** Information given follows **
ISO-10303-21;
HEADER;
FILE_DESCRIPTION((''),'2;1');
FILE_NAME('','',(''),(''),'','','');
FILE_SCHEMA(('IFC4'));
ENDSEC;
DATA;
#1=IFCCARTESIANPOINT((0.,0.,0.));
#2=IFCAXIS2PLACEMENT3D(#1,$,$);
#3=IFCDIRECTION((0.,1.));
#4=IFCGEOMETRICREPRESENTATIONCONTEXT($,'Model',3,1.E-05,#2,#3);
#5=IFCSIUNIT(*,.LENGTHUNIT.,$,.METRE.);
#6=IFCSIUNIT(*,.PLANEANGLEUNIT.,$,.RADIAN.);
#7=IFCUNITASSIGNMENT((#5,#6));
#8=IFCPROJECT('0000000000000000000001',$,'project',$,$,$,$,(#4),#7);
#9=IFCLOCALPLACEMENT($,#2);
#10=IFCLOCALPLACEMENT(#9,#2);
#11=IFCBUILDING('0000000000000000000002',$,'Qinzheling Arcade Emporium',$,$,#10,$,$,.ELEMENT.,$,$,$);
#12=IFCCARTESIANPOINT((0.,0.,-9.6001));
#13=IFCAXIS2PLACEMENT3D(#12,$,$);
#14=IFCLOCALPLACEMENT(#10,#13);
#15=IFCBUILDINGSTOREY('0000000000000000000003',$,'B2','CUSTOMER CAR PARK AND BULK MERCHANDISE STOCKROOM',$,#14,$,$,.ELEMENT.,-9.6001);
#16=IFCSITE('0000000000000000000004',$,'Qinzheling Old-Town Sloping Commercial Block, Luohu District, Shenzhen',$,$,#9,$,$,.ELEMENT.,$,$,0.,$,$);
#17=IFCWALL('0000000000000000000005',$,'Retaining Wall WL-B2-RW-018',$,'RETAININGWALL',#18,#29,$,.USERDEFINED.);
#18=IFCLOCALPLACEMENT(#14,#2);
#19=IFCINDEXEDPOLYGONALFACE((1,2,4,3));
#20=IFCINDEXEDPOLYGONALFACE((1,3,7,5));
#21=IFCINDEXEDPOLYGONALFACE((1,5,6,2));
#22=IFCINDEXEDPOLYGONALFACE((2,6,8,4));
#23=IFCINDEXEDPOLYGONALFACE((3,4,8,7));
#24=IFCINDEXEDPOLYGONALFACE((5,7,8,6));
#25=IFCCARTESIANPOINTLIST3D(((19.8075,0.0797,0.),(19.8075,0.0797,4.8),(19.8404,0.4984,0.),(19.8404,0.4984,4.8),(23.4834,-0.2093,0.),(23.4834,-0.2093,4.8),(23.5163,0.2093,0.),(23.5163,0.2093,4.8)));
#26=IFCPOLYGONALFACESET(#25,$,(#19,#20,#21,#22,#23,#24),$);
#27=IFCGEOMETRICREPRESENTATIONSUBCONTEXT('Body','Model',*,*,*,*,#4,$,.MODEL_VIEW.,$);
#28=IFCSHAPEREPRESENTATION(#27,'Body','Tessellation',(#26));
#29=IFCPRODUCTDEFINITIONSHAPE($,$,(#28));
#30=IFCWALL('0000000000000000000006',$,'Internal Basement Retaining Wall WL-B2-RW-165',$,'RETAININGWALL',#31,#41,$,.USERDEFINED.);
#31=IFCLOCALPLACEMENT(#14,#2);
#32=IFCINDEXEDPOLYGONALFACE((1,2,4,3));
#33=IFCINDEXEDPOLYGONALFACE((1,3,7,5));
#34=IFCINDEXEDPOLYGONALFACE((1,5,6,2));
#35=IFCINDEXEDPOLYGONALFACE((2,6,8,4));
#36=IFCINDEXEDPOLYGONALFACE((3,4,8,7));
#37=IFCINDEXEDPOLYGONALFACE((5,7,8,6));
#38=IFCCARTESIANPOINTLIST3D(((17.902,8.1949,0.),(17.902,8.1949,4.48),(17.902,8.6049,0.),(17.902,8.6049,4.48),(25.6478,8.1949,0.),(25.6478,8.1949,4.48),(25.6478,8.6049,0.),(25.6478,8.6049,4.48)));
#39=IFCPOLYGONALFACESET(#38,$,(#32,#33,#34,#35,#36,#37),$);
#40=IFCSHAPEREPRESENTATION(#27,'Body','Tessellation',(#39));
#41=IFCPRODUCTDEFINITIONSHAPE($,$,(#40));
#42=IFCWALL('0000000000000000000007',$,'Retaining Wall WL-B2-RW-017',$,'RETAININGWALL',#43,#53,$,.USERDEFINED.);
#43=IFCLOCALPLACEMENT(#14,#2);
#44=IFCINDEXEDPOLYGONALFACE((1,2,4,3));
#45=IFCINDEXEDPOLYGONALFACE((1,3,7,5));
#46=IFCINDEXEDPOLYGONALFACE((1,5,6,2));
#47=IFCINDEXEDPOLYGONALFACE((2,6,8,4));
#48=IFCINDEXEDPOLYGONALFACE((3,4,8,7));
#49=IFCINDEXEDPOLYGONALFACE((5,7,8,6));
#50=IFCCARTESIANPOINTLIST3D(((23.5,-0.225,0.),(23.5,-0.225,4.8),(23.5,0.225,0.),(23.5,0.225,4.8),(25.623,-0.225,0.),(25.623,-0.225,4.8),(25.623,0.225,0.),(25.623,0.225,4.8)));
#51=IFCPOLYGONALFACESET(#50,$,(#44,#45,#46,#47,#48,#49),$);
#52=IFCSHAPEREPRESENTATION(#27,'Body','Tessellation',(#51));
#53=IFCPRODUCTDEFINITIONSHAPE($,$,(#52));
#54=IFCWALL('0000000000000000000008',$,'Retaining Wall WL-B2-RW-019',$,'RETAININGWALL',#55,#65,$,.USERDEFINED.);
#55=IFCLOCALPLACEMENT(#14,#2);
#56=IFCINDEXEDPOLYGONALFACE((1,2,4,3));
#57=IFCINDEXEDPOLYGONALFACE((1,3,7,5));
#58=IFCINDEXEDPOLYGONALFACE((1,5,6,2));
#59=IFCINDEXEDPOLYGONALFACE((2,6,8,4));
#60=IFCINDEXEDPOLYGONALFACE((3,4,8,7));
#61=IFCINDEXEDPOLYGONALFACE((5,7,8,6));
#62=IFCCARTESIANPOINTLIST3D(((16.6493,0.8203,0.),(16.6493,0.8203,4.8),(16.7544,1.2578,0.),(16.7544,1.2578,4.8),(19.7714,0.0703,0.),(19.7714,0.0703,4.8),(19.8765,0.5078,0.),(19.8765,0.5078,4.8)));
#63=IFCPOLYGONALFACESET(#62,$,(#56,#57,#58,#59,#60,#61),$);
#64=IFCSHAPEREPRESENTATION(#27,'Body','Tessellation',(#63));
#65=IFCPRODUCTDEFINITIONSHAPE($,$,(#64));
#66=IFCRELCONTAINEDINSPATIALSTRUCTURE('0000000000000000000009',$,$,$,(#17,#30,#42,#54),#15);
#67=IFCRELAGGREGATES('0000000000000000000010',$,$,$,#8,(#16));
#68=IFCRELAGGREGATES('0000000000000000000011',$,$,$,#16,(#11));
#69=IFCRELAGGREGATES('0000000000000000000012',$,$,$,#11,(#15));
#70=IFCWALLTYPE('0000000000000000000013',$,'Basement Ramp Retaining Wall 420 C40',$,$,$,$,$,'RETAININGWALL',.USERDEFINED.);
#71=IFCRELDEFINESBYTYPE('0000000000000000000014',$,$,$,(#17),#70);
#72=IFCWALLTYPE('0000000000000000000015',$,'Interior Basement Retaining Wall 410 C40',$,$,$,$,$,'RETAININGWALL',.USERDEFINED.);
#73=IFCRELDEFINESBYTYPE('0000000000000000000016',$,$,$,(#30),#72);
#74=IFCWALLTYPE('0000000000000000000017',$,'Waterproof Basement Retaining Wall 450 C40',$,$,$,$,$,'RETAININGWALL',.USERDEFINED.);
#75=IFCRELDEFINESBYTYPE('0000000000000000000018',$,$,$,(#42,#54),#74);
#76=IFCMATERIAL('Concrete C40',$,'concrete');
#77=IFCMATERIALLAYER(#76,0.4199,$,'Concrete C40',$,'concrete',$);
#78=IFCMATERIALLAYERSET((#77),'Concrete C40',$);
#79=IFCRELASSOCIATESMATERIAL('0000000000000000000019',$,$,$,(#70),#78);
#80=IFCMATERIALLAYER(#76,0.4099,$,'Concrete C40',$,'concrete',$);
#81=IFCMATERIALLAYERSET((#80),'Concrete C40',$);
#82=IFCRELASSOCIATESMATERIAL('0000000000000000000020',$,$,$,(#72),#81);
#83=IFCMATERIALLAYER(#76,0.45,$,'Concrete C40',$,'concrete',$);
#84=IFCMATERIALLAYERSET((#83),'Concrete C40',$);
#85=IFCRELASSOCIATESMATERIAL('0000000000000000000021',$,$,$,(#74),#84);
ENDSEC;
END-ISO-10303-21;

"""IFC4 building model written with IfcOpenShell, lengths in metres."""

from ifc_helpers import new_model, si_unit, direction, frame, frame_2d, origin, place, context, subcontext, project, spatial, rectangle, extrude, material, layer, layer_set, type_object, element, save


model = new_model("IFC4")

# Units and contexts
model_context = context("Model", 3, precision=1e-05, world=origin(), true_north=direction((0.0, 1.0)))
body_context = subcontext(model_context, "Body", "Model", "MODEL_VIEW")
ifc_project = project(units=[si_unit("LENGTHUNIT", "METRE"), si_unit("PLANEANGLEUNIT", "RADIAN")], contexts=[model_context])

# Site, building, storey
site_placement = place(None, origin())
site = spatial("IfcSite", under=ifc_project, at=site_placement, Name="Qinzheling Old-Town Sloping Commercial Block, Luohu District, Shenzhen", CompositionType="ELEMENT", RefElevation=0.0)
building_placement = place(site_placement, origin())
building = spatial("IfcBuilding", under=site, at=building_placement, Name="Qinzheling Arcade Emporium", CompositionType="ELEMENT")
storey_placement = place(building_placement, frame((0.0, 0.0, -9.6001)))
storey = spatial("IfcBuildingStorey", under=building, at=storey_placement, Name="B2", Description="CUSTOMER CAR PARK AND BULK MERCHANDISE STOCKROOM", CompositionType="ELEMENT", Elevation=-9.6001)

# Shared definitions
ifc_material_1 = material(Name="Concrete C40", Category="concrete")

# Walls
ifc_layer_1 = layer(ifc_material_1, 0.4199, Name="Concrete C40", Category="concrete")
ifc_layer_set_1 = layer_set([ifc_layer_1], Name="Concrete C40")
wall_type_1 = type_object("IfcWallType", Name="Basement Ramp Retaining Wall 420 C40", ElementType="RETAININGWALL", PredefinedType="USERDEFINED", material=ifc_layer_set_1)
wall_1_placement = place(storey_placement, frame((23.5, 0.0, 0.0), z_axis=(0.0, 0.0, 1.0), x_axis=(-0.996923, 0.078393, 0.0)))
element("IfcWall", 1, at=wall_1_placement, inside=storey, type_object=wall_type_1, Name="Retaining Wall WL-B2-RW-018", ObjectType="RETAININGWALL", PredefinedType="USERDEFINED", context=body_context, shape_type="SweptSolid", body=[
    extrude(rectangle(XDim=3.6873, YDim=0.4199, at=frame_2d((1.8438, 0.0))), origin(), (0.0, 0.0, 1.0), 4.8),
])
ifc_layer_2 = layer(ifc_material_1, 0.4099, Name="Concrete C40", Category="concrete")
ifc_layer_set_2 = layer_set([ifc_layer_2], Name="Concrete C40")
wall_type_2 = type_object("IfcWallType", Name="Interior Basement Retaining Wall 410 C40", ElementType="RETAININGWALL", PredefinedType="USERDEFINED", material=ifc_layer_set_2)
wall_2_placement = place(storey_placement, frame((25.6479, 8.3999, 0.0), z_axis=(0.0, 0.0, 1.0), x_axis=(-1.0, 0.0, 0.0)))
element("IfcWall", 2, at=wall_2_placement, inside=storey, type_object=wall_type_2, Name="Internal Basement Retaining Wall WL-B2-RW-165", ObjectType="RETAININGWALL", PredefinedType="USERDEFINED", context=body_context, shape_type="SweptSolid", body=[
    extrude(rectangle(XDim=7.7458, YDim=0.4099, at=frame_2d((3.873, 0.0))), origin(), (0.0, 0.0, 1.0), 4.48),
])
ifc_layer_3 = layer(ifc_material_1, 0.45, Name="Concrete C40", Category="concrete")
ifc_layer_set_3 = layer_set([ifc_layer_3], Name="Concrete C40")
wall_type_3 = type_object("IfcWallType", Name="Waterproof Basement Retaining Wall 450 C40", ElementType="RETAININGWALL", PredefinedType="USERDEFINED", material=ifc_layer_set_3)
wall_3_placement = place(storey_placement, frame((25.623, 0.0, 0.0), z_axis=(0.0, 0.0, 1.0), x_axis=(-1.0, 0.0, 0.0)))
element("IfcWall", 3, at=wall_3_placement, inside=storey, type_object=wall_type_3, Name="Retaining Wall WL-B2-RW-017", ObjectType="RETAININGWALL", PredefinedType="USERDEFINED", context=body_context, shape_type="SweptSolid", body=[
    extrude(rectangle(XDim=2.123, YDim=0.45, at=frame_2d((1.0615, 0.0))), origin(), (0.0, 0.0, 1.0), 4.8),
])
wall_4_placement = place(storey_placement, frame((19.824, 0.2891, 0.0), z_axis=(0.0, 0.0, 1.0), x_axis=(-0.972338, 0.23358, 0.0)))
element("IfcWall", 4, at=wall_4_placement, inside=storey, type_object=wall_type_3, Name="Retaining Wall WL-B2-RW-019", ObjectType="RETAININGWALL", PredefinedType="USERDEFINED", context=body_context, shape_type="SweptSolid", body=[
    extrude(rectangle(XDim=3.2109, YDim=0.45, at=frame_2d((1.6055, 0.0))), origin(), (0.0, 0.0, 1.0), 4.8),
])

save(model, "model.ifc")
** End of Information given **
- _What to work on_:
Would you please return all lines of the data that include the word "IFCPRODUCTDEFINITIONSHAPE"?

- _Task solution_:
#29=IFCPRODUCTDEFINITIONSHAPE($,$,(#28));
#41=IFCPRODUCTDEFINITIONSHAPE($,$,(#40));
#53=IFCPRODUCTDEFINITIONSHAPE($,$,(#52));
#65=IFCPRODUCTDEFINITIONSHAPE($,$,(#64));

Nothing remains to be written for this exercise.